------ Data for this task ------
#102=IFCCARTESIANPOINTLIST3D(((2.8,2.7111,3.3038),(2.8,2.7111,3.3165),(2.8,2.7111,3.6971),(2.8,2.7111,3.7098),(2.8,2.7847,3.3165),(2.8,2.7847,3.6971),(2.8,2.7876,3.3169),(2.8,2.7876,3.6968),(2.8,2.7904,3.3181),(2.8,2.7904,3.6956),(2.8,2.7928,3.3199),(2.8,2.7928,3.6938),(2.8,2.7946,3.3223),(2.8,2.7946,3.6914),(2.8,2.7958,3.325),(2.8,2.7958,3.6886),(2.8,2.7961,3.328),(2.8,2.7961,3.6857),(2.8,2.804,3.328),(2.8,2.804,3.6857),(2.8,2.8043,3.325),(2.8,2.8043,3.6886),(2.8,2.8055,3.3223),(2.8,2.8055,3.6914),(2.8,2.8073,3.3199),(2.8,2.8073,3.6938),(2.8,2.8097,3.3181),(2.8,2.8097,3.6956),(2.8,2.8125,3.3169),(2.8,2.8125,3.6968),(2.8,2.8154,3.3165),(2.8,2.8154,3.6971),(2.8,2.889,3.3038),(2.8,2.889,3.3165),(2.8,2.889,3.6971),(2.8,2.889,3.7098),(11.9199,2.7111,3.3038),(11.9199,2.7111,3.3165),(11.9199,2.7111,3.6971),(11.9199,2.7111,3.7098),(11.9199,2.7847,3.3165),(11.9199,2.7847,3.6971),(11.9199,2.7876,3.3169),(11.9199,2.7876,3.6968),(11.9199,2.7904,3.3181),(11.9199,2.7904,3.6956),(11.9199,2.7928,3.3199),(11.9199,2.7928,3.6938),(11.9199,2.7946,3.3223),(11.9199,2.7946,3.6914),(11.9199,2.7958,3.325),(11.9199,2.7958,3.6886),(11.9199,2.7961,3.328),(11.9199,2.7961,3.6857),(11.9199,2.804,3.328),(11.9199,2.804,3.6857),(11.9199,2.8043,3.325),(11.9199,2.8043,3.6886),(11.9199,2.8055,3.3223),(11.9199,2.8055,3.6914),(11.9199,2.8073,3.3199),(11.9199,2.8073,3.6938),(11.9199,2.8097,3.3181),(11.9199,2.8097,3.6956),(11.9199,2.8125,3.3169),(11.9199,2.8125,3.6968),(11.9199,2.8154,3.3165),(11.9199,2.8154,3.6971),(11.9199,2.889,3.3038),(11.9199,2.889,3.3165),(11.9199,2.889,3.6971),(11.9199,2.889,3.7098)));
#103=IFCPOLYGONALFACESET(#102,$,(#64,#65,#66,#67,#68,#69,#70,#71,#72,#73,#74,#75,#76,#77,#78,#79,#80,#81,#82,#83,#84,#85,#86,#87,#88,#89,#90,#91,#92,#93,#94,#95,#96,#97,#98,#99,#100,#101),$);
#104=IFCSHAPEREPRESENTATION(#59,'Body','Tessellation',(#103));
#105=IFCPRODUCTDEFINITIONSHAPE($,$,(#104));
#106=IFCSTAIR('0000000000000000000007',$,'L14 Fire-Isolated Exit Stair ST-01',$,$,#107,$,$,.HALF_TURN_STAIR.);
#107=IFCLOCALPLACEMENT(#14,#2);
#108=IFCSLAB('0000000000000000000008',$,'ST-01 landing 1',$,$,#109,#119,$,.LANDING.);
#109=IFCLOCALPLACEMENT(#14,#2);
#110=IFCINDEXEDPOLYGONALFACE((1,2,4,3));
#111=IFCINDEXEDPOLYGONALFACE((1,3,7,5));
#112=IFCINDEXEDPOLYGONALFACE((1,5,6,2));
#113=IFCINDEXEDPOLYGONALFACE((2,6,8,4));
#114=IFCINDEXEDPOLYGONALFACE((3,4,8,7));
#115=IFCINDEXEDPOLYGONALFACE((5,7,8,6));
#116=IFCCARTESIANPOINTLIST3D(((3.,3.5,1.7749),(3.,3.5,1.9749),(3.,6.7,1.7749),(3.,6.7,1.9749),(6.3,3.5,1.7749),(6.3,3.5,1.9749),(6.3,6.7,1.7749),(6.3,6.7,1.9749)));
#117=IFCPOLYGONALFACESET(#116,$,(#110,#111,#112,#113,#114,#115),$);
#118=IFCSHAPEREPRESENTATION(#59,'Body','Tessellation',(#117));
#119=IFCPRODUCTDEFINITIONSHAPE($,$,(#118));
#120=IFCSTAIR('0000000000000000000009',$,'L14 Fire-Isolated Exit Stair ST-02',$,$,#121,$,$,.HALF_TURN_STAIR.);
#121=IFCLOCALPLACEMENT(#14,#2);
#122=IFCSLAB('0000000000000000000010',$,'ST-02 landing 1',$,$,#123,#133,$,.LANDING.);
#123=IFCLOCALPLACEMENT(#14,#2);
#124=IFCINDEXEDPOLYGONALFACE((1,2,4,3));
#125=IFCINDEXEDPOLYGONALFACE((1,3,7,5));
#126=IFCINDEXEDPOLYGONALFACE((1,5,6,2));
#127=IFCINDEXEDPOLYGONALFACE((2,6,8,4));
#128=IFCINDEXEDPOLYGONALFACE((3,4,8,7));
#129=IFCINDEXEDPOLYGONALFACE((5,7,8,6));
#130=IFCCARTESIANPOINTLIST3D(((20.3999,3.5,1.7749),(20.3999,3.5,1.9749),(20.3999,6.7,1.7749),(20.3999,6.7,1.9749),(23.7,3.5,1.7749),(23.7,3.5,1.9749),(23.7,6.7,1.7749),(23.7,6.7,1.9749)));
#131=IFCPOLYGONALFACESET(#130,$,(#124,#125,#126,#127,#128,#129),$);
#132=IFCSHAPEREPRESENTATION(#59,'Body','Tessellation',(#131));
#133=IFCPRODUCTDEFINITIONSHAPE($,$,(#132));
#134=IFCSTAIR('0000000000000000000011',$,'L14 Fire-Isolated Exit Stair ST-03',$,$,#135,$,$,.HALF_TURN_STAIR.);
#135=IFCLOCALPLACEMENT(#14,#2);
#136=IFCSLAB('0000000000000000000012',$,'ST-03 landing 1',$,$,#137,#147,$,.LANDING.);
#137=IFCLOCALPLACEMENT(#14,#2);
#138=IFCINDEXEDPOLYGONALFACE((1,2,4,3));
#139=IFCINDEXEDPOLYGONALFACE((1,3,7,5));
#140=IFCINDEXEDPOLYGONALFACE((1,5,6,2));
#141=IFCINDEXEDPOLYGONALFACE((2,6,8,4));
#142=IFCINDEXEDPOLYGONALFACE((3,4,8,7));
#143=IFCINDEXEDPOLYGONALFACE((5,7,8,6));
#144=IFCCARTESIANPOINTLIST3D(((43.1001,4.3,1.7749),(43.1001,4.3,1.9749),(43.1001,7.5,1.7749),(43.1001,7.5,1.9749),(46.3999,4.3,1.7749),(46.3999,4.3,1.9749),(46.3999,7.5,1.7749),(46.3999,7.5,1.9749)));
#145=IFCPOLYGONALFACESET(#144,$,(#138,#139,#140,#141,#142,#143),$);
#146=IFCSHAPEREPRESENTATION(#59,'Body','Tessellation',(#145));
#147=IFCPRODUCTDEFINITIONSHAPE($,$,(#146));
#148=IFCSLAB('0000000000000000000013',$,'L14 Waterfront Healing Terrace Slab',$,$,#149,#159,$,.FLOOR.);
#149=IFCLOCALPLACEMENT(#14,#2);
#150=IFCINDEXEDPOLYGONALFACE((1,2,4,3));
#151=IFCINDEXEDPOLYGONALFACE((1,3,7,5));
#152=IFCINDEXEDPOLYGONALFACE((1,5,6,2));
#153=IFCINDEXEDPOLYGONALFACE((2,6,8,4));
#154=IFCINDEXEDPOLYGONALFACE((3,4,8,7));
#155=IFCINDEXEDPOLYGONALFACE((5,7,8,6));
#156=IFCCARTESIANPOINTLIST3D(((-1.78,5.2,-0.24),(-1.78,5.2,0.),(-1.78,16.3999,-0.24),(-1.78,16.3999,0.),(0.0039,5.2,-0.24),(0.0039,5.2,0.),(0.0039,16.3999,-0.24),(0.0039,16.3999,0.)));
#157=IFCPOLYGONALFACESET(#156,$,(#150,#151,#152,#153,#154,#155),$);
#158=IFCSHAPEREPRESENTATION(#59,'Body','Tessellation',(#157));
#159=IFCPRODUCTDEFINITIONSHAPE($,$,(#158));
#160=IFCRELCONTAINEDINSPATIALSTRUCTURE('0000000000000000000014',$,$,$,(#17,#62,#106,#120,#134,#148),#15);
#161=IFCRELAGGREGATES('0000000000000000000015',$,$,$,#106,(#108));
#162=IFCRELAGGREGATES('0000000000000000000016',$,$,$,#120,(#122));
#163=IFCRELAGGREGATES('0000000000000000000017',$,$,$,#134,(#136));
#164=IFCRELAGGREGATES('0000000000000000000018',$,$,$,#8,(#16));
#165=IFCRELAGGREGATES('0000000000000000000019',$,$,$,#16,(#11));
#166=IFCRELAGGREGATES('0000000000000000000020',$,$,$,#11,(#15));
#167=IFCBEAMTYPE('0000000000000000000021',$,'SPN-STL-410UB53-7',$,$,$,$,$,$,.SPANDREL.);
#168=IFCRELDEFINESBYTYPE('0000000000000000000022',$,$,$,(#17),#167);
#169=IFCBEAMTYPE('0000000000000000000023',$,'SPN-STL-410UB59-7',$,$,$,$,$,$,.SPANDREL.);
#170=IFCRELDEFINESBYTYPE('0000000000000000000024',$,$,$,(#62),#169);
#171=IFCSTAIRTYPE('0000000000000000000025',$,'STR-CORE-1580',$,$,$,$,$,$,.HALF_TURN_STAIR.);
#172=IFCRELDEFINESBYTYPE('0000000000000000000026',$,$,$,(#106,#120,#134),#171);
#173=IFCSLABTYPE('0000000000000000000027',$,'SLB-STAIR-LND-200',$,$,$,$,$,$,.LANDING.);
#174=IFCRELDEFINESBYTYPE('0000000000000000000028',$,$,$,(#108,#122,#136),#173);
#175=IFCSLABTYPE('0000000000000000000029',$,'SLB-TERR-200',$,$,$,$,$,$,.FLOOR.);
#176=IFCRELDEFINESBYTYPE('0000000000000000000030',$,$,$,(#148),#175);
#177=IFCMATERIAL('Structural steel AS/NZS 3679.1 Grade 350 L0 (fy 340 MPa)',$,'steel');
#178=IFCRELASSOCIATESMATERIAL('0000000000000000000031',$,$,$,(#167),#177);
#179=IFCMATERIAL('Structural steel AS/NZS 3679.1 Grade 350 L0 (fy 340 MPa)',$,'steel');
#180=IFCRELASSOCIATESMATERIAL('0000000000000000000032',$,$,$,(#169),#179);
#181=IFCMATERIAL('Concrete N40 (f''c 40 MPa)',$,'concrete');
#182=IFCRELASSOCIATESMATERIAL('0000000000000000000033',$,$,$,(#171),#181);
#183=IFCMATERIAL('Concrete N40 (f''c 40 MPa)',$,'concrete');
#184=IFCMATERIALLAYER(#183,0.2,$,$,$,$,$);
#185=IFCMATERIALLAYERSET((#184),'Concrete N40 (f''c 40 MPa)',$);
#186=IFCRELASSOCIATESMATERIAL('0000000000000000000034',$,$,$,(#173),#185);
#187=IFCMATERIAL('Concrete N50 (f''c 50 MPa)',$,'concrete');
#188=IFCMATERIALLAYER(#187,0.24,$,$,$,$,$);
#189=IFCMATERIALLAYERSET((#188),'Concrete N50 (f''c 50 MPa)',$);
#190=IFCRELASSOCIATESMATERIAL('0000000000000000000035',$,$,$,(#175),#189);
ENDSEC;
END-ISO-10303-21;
------
- Exercise aim -
Please tally the lines of the entries that hold "Exit" and give only the resulting number.

- The completed task -
3